>>>

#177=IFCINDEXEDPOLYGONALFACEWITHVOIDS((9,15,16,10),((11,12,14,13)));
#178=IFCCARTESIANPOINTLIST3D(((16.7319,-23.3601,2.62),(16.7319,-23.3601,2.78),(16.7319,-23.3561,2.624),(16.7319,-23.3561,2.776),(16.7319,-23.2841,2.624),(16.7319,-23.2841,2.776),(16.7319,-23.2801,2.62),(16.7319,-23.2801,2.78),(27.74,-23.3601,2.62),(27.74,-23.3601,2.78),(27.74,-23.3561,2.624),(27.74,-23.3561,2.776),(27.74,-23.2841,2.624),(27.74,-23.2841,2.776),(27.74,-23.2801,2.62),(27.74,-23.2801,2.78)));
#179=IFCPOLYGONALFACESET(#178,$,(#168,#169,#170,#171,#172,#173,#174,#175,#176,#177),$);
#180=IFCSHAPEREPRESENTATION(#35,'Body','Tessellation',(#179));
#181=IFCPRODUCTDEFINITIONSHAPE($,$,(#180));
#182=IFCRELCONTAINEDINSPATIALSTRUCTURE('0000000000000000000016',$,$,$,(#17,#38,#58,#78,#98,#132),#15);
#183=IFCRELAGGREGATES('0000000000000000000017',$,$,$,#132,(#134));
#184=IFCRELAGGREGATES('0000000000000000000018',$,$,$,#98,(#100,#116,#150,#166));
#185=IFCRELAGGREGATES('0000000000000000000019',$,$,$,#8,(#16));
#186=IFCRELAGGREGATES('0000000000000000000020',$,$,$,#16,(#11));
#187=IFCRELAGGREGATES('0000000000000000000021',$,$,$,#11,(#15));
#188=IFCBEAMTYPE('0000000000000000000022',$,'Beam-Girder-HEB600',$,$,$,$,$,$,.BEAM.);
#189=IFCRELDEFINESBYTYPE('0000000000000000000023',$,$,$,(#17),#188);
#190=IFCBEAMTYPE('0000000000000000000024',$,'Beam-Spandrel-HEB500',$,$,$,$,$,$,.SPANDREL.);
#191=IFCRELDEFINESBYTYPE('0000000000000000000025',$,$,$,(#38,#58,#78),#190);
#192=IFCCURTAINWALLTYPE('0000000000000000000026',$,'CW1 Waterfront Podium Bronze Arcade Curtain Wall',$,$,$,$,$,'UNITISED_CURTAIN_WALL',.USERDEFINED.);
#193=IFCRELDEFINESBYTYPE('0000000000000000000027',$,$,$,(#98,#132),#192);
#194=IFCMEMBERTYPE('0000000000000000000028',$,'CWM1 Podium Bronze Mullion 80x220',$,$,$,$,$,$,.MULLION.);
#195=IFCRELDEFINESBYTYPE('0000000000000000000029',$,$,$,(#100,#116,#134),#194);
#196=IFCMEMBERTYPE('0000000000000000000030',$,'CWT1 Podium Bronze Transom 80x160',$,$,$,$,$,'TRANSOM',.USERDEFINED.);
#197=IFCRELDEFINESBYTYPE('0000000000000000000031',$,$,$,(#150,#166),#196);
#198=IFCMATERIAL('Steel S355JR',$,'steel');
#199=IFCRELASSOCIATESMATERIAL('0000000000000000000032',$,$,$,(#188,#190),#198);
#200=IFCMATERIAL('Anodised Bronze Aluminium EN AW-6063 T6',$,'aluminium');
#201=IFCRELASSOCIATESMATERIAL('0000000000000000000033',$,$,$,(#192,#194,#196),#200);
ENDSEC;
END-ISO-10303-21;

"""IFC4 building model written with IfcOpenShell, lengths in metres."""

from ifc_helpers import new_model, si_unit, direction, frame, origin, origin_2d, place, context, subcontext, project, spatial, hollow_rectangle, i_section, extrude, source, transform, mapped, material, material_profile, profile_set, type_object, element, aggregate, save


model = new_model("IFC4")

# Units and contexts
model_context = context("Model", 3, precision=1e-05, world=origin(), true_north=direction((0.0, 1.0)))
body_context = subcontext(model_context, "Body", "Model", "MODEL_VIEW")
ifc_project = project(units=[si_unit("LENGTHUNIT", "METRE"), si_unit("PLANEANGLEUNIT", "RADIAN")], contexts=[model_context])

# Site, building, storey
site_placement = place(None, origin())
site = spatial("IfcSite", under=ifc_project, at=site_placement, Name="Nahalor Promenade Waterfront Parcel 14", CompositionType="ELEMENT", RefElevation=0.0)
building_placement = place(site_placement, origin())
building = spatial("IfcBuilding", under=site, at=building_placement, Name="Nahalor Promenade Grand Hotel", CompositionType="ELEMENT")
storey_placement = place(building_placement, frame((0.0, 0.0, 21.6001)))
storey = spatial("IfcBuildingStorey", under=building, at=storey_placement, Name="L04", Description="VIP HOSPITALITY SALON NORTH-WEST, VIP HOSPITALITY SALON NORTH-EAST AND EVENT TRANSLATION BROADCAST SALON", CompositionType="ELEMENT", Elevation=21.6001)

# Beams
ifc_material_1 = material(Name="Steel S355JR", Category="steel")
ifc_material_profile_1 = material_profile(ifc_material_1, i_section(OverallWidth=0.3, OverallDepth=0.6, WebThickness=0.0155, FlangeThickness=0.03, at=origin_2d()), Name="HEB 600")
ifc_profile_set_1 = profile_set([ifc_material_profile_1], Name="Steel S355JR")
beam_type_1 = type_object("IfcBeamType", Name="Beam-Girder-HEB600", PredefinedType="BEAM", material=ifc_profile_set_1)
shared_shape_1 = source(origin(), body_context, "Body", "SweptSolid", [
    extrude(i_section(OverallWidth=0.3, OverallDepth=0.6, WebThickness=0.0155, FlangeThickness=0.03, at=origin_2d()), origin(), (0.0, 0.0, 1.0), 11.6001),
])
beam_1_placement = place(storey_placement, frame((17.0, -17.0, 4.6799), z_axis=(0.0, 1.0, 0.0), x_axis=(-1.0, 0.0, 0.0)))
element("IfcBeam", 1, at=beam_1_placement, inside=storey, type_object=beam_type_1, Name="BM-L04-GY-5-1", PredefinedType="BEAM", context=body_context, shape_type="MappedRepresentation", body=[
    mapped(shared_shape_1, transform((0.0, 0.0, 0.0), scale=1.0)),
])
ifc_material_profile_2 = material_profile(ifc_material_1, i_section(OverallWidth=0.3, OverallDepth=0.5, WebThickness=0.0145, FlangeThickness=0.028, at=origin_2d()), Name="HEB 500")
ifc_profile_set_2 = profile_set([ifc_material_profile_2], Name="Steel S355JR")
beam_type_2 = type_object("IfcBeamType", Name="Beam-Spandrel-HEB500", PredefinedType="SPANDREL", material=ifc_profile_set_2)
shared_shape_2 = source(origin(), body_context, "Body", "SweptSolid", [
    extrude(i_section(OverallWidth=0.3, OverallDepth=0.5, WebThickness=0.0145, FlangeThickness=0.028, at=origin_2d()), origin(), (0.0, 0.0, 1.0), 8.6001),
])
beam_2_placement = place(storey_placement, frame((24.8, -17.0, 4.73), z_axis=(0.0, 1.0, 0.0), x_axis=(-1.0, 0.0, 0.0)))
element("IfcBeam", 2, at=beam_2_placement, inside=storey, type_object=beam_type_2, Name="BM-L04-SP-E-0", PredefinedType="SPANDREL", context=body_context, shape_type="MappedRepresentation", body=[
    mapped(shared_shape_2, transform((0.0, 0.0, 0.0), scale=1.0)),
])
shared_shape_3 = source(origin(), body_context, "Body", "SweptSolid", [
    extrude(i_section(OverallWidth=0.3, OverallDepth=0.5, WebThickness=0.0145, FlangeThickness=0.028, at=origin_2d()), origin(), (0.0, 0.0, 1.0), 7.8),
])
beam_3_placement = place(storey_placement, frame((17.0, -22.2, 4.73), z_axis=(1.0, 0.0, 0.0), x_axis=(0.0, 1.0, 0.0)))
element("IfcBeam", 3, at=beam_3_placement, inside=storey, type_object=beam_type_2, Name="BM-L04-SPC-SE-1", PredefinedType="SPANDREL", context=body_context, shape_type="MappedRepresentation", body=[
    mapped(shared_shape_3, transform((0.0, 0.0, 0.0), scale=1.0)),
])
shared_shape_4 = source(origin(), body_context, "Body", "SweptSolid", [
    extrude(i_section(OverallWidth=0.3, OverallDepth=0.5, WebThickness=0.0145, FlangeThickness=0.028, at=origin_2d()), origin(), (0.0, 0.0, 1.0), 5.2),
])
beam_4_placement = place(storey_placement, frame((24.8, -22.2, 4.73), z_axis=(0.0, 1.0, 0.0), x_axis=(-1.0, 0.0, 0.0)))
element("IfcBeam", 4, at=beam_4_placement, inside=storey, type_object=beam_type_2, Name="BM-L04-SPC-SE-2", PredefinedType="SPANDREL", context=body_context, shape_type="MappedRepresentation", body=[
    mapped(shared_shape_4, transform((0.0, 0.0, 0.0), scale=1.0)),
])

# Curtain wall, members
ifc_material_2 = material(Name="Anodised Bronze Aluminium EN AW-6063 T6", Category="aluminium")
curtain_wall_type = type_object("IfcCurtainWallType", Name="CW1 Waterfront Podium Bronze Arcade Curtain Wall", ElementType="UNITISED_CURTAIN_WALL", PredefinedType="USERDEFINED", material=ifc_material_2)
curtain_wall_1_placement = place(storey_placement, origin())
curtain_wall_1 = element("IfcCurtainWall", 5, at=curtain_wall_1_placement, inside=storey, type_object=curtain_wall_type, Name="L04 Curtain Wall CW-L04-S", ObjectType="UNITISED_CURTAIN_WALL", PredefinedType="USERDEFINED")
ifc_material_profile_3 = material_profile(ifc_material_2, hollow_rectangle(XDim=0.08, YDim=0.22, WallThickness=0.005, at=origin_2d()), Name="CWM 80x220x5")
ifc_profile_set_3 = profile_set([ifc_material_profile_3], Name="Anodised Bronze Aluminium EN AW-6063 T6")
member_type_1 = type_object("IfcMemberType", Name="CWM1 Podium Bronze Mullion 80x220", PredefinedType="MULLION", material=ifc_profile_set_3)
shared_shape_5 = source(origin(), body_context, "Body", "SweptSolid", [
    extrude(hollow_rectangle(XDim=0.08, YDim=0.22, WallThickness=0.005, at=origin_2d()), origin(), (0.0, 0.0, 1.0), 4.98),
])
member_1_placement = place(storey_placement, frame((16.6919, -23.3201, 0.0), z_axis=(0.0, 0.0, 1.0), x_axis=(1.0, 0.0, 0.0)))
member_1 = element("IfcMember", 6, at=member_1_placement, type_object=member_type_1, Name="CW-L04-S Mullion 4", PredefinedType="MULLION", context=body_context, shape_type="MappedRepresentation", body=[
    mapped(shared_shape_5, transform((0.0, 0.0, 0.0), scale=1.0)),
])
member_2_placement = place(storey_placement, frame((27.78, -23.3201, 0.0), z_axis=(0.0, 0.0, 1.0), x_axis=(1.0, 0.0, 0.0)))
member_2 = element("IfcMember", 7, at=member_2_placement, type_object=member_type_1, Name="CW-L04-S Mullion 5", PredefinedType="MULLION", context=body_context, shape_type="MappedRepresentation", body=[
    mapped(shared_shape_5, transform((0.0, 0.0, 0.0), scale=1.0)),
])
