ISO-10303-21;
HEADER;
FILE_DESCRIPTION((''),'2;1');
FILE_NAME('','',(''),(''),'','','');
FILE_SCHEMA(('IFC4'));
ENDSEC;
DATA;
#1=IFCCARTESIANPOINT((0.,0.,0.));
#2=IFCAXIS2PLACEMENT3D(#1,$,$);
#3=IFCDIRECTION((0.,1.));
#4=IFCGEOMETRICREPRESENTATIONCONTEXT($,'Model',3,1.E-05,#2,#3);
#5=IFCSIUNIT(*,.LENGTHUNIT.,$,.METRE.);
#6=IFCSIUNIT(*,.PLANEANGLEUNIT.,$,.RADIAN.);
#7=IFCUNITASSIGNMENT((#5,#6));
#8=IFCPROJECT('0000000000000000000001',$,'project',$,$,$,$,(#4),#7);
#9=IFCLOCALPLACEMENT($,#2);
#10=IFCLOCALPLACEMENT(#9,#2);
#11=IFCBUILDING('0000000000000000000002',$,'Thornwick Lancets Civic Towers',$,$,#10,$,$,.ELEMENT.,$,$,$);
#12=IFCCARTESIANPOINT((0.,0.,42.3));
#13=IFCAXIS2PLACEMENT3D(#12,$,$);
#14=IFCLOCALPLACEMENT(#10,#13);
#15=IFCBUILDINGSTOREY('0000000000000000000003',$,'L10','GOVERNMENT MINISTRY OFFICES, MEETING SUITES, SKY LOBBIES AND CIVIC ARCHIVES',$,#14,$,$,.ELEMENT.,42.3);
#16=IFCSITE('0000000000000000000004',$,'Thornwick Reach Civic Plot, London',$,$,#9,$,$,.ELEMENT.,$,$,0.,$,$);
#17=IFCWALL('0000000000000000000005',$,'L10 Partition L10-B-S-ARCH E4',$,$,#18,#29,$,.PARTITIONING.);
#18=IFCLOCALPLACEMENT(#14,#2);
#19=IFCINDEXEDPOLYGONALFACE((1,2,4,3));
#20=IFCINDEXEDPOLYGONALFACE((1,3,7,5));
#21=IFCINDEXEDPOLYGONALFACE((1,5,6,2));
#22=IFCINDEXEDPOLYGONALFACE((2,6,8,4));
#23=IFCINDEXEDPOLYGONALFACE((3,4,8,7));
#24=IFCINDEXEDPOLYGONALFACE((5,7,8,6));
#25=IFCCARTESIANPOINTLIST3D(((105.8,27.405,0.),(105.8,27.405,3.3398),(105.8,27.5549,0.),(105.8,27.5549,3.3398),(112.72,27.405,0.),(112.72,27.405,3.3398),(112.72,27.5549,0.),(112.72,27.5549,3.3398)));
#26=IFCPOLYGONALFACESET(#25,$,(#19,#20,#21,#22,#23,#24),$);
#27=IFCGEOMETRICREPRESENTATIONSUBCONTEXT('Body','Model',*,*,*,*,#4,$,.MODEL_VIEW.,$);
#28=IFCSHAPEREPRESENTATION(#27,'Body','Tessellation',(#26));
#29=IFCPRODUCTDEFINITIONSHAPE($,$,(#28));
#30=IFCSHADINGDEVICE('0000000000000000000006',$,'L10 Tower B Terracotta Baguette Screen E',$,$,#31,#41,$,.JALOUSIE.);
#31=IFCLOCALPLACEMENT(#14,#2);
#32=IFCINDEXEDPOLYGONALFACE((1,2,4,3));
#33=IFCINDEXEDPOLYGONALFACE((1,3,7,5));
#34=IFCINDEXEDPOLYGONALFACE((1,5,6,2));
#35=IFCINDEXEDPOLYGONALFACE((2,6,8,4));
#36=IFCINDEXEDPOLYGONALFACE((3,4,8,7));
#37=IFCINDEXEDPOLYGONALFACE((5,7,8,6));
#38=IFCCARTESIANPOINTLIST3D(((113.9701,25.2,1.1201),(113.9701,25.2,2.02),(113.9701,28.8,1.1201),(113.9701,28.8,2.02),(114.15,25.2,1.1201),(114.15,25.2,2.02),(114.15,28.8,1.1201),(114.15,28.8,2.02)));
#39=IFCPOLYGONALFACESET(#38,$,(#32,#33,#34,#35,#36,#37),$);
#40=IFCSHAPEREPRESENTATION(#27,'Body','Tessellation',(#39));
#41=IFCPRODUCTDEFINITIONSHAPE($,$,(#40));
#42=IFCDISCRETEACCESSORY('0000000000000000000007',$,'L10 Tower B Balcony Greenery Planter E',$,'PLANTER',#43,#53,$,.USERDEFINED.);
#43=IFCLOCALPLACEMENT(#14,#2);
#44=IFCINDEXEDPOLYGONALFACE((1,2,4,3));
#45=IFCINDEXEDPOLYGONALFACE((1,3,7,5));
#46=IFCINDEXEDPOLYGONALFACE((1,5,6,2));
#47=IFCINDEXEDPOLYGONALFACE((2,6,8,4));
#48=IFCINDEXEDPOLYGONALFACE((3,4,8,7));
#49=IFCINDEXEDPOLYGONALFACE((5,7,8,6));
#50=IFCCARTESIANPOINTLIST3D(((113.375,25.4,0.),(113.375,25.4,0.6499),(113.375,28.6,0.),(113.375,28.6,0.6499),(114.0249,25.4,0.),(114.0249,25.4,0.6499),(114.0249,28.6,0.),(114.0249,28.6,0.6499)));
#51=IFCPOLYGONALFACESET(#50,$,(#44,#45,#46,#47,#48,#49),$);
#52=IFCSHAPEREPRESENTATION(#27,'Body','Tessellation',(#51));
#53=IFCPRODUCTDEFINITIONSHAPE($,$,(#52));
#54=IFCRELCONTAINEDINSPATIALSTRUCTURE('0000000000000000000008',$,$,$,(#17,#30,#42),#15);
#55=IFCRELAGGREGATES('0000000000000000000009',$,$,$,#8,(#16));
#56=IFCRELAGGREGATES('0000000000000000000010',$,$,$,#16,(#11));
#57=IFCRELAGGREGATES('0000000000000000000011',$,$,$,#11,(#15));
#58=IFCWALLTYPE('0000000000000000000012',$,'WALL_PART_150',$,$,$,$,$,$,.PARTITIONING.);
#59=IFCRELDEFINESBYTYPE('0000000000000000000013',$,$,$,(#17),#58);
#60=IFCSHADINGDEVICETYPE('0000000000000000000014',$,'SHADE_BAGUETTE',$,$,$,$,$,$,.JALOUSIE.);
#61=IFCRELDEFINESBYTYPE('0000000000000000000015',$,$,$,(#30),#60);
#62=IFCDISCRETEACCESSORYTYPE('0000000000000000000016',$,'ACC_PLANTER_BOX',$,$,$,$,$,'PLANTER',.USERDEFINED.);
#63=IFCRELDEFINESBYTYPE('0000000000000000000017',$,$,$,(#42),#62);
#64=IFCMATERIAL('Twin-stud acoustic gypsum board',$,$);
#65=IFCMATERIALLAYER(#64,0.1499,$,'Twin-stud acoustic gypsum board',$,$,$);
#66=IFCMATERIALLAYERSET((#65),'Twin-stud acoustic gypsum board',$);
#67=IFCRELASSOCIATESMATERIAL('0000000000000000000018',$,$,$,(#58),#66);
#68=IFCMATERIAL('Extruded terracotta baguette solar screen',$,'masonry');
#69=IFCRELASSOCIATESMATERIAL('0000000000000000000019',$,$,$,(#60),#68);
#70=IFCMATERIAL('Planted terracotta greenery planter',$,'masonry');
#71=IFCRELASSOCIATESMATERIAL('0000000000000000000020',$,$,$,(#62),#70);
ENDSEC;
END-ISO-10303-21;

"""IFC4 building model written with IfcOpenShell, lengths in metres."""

from ifc_helpers import new_model, si_unit, direction, frame, frame_2d, origin, origin_2d, place, context, subcontext, project, spatial, rectangle, extrude, material, layer, layer_set, type_object, element, save


model = new_model("IFC4")

# Units and contexts
model_context = context("Model", 3, precision=1e-05, world=origin(), true_north=direction((0.0, 1.0)))
body_context = subcontext(model_context, "Body", "Model", "MODEL_VIEW")
ifc_project = project(units=[si_unit("LENGTHUNIT", "METRE"), si_unit("PLANEANGLEUNIT", "RADIAN")], contexts=[model_context])

# Site, building, storey
site_placement = place(None, origin())
site = spatial("IfcSite", under=ifc_project, at=site_placement, Name="Thornwick Reach Civic Plot, London", CompositionType="ELEMENT", RefElevation=0.0)
building_placement = place(site_placement, origin())
building = spatial("IfcBuilding", under=site, at=building_placement, Name="Thornwick Lancets Civic Towers", CompositionType="ELEMENT")
storey_placement = place(building_placement, frame((0.0, 0.0, 42.3)))
storey = spatial("IfcBuildingStorey", under=building, at=storey_placement, Name="L10", Description="GOVERNMENT MINISTRY OFFICES, MEETING SUITES, SKY LOBBIES AND CIVIC ARCHIVES", CompositionType="ELEMENT", Elevation=42.3)

# Wall
ifc_material_1 = material(Name="Twin-stud acoustic gypsum board")
ifc_layer_1 = layer(ifc_material_1, 0.1499, Name="Twin-stud acoustic gypsum board")
ifc_layer_set_1 = layer_set([ifc_layer_1], Name="Twin-stud acoustic gypsum board")
wall_type_1 = type_object("IfcWallType", Name="WALL_PART_150", PredefinedType="PARTITIONING", material=ifc_layer_set_1)
wall_1_placement = place(storey_placement, frame((112.72, 27.48, 0.0), z_axis=(0.0, 0.0, 1.0), x_axis=(-1.0, 0.0, 0.0)))
element("IfcWall", 1, at=wall_1_placement, inside=storey, type_object=wall_type_1, Name="L10 Partition L10-B-S-ARCH E4", PredefinedType="PARTITIONING", context=body_context, shape_type="SweptSolid", body=[
    extrude(rectangle(XDim=6.9199, YDim=0.1499, at=frame_2d((3.46, 0.0))), origin(), (0.0, 0.0, 1.0), 3.3398),
])

# Shading device
ifc_material_2 = material(Name="Extruded terracotta baguette solar screen", Category="masonry")
shading_device_type = type_object("IfcShadingDeviceType", Name="SHADE_BAGUETTE", PredefinedType="JALOUSIE", material=ifc_material_2)
shading_device_placement = place(storey_placement, frame((114.0601, 27.0, 1.1201), z_axis=(0.0, 0.0, 1.0), x_axis=(0.0, 1.0, 0.0)))
element("IfcShadingDevice", 2, at=shading_device_placement, inside=storey, type_object=shading_device_type, Name="L10 Tower B Terracotta Baguette Screen E", PredefinedType="JALOUSIE", context=body_context, shape_type="SweptSolid", body=[
    extrude(rectangle(XDim=3.6001, YDim=0.1799, at=origin_2d()), origin(), (0.0, 0.0, 1.0), 0.8999),
])

# Discrete accessory
ifc_material_3 = material(Name="Planted terracotta greenery planter", Category="masonry")
discrete_accessory_type = type_object("IfcDiscreteAccessoryType", Name="ACC_PLANTER_BOX", ElementType="PLANTER", PredefinedType="USERDEFINED", material=ifc_material_3)
discrete_accessory_placement = place(storey_placement, frame((113.7, 27.0, 0.0), z_axis=(0.0, 0.0, 1.0), x_axis=(1.0, 0.0, 0.0)))
element("IfcDiscreteAccessory", 3, at=discrete_accessory_placement, inside=storey, type_object=discrete_accessory_type, Name="L10 Tower B Balcony Greenery Planter E", ObjectType="PLANTER", PredefinedType="USERDEFINED", context=body_context, shape_type="SweptSolid", body=[
    extrude(rectangle(XDim=0.6499, YDim=3.2, at=origin_2d()), origin(), (0.0, 0.0, 1.0), 0.6499),
])

save(model, "model.ifc")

<<<

*Activity*: From the first line of the data through the line with "#200=IFCMATERIAL('Anodised Bronze Aluminium", quote each line exactly and add nothing else.

*Problem solution*:
#177=IFCINDEXEDPOLYGONALFACEWITHVOIDS((9,15,16,10),((11,12,14,13)));
#178=IFCCARTESIANPOINTLIST3D(((16.7319,-23.3601,2.62),(16.7319,-23.3601,2.78),(16.7319,-23.3561,2.624),(16.7319,-23.3561,2.776),(16.7319,-23.2841,2.624),(16.7319,-23.2841,2.776),(16.7319,-23.2801,2.62),(16.7319,-23.2801,2.78),(27.74,-23.3601,2.62),(27.74,-23.3601,2.78),(27.74,-23.3561,2.624),(27.74,-23.3561,2.776),(27.74,-23.2841,2.624),(27.74,-23.2841,2.776),(27.74,-23.2801,2.62),(27.74,-23.2801,2.78)));
#179=IFCPOLYGONALFACESET(#178,$,(#168,#169,#170,#171,#172,#173,#174,#175,#176,#177),$);
#180=IFCSHAPEREPRESENTATION(#35,'Body','Tessellation',(#179));
#181=IFCPRODUCTDEFINITIONSHAPE($,$,(#180));
#182=IFCRELCONTAINEDINSPATIALSTRUCTURE('0000000000000000000016',$,$,$,(#17,#38,#58,#78,#98,#132),#15);
#183=IFCRELAGGREGATES('0000000000000000000017',$,$,$,#132,(#134));
#184=IFCRELAGGREGATES('0000000000000000000018',$,$,$,#98,(#100,#116,#150,#166));
#185=IFCRELAGGREGATES('0000000000000000000019',$,$,$,#8,(#16));
#186=IFCRELAGGREGATES('0000000000000000000020',$,$,$,#16,(#11));
#187=IFCRELAGGREGATES('0000000000000000000021',$,$,$,#11,(#15));
#188=IFCBEAMTYPE('0000000000000000000022',$,'Beam-Girder-HEB600',$,$,$,$,$,$,.BEAM.);
#189=IFCRELDEFINESBYTYPE('0000000000000000000023',$,$,$,(#17),#188);
#190=IFCBEAMTYPE('0000000000000000000024',$,'Beam-Spandrel-HEB500',$,$,$,$,$,$,.SPANDREL.);
#191=IFCRELDEFINESBYTYPE('0000000000000000000025',$,$,$,(#38,#58,#78),#190);
#192=IFCCURTAINWALLTYPE('0000000000000000000026',$,'CW1 Waterfront Podium Bronze Arcade Curtain Wall',$,$,$,$,$,'UNITISED_CURTAIN_WALL',.USERDEFINED.);
#193=IFCRELDEFINESBYTYPE('0000000000000000000027',$,$,$,(#98,#132),#192);
#194=IFCMEMBERTYPE('0000000000000000000028',$,'CWM1 Podium Bronze Mullion 80x220',$,$,$,$,$,$,.MULLION.);
#195=IFCRELDEFINESBYTYPE('0000000000000000000029',$,$,$,(#100,#116,#134),#194);
#196=IFCMEMBERTYPE('0000000000000000000030',$,'CWT1 Podium Bronze Transom 80x160',$,$,$,$,$,'TRANSOM',.USERDEFINED.);
#197=IFCRELDEFINESBYTYPE('0000000000000000000031',$,$,$,(#150,#166),#196);
#198=IFCMATERIAL('Steel S355JR',$,'steel');
#199=IFCRELASSOCIATESMATERIAL('0000000000000000000032',$,$,$,(#188,#190),#198);
#200=IFCMATERIAL('Anodised Bronze Aluminium EN AW-6063 T6',$,'aluminium');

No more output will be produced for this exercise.